▶ **Task prompt**: Gather every line in the records below that contains the word "IFCRELAGGREGATES".

▶ **Data excerpts**:
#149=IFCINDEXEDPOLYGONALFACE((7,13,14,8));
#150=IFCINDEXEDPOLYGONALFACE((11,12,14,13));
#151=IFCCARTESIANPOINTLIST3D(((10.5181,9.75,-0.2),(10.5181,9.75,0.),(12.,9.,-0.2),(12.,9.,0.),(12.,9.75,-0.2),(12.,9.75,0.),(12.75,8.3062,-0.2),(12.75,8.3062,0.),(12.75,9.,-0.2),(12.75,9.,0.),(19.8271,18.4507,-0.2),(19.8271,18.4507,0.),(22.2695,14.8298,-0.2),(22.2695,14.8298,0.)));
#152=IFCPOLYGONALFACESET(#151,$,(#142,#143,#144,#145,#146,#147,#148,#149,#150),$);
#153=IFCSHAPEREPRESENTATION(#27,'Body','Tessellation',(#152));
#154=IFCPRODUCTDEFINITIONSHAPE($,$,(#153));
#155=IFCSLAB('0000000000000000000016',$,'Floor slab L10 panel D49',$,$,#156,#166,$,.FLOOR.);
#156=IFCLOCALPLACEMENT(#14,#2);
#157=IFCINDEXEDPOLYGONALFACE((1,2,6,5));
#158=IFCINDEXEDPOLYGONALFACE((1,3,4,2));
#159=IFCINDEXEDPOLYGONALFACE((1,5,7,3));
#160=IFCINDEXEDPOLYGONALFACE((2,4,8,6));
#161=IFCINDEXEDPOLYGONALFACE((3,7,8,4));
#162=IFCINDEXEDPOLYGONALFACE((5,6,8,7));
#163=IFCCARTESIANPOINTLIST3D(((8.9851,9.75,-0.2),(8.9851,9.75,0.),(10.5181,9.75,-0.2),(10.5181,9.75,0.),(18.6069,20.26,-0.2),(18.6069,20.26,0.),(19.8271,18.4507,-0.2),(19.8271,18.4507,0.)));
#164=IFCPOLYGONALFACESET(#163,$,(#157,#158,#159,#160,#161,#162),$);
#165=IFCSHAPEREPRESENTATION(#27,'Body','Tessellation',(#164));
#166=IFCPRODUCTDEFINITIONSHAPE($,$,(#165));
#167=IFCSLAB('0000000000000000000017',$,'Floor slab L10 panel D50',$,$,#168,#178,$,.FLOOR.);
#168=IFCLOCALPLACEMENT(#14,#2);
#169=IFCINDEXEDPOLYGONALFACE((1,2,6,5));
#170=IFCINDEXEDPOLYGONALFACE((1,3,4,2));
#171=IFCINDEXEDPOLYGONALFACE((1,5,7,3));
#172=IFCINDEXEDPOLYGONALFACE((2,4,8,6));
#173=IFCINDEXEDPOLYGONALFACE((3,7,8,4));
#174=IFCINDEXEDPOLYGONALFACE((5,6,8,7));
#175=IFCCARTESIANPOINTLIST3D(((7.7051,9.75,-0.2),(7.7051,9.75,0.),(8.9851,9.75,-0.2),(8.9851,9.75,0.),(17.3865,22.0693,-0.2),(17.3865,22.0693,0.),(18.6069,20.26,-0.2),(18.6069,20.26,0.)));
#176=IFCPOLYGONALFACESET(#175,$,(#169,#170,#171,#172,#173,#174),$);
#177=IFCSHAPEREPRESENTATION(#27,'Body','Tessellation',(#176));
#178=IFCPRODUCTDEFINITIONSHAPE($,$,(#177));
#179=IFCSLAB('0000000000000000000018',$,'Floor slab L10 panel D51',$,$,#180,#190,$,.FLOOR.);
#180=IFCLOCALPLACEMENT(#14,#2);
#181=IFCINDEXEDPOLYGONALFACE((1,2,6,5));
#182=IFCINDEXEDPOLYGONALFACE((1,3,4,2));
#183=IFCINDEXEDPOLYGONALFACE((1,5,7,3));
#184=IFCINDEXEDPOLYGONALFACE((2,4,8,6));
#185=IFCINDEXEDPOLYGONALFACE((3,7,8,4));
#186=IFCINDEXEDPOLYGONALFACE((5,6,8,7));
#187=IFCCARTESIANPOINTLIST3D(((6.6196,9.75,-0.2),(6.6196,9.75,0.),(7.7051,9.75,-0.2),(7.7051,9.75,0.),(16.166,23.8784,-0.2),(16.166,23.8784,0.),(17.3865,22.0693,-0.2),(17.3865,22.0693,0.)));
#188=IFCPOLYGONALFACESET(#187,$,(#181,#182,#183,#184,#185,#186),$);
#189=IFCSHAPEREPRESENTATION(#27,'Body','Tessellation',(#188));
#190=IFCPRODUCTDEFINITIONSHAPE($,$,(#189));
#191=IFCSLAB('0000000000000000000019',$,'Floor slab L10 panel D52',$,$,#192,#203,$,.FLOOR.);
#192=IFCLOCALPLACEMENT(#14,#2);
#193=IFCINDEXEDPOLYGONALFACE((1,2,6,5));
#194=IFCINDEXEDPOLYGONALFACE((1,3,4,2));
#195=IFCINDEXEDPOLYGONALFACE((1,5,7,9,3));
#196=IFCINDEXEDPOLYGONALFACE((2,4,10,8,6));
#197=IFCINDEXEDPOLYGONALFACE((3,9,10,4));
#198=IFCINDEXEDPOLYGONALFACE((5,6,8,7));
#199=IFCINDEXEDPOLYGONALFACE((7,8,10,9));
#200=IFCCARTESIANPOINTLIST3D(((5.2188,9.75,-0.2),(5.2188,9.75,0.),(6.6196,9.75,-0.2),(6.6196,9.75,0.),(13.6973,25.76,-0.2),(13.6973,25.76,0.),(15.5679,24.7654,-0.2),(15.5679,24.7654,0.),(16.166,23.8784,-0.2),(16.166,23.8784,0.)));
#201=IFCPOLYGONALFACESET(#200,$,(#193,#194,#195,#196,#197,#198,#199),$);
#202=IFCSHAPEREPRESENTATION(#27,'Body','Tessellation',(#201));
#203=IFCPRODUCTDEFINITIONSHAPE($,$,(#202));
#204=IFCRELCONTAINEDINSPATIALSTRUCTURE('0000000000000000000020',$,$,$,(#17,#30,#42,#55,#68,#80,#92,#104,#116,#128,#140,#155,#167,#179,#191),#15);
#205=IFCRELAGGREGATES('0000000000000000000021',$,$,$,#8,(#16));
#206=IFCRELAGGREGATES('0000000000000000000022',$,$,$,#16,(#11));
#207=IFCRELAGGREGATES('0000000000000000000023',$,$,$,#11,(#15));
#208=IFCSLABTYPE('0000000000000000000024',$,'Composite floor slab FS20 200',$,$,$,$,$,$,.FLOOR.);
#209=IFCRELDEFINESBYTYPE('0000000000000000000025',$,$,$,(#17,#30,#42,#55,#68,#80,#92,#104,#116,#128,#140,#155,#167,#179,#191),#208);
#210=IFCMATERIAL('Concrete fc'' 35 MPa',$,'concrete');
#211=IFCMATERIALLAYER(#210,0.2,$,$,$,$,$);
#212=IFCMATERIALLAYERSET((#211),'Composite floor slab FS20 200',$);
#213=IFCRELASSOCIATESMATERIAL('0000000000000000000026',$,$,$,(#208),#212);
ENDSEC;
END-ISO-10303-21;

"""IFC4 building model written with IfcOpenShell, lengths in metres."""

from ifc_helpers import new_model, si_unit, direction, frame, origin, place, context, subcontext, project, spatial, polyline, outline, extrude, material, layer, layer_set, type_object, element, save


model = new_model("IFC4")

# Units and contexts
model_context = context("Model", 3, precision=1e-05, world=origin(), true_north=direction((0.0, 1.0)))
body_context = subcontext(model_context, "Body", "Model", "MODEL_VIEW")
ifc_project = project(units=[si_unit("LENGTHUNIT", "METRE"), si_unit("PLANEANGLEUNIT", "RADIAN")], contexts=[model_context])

▶ **Exercise solution**:
#205=IFCRELAGGREGATES('0000000000000000000021',$,$,$,#8,(#16));
#206=IFCRELAGGREGATES('0000000000000000000022',$,$,$,#16,(#11));
#207=IFCRELAGGREGATES('0000000000000000000023',$,$,$,#11,(#15));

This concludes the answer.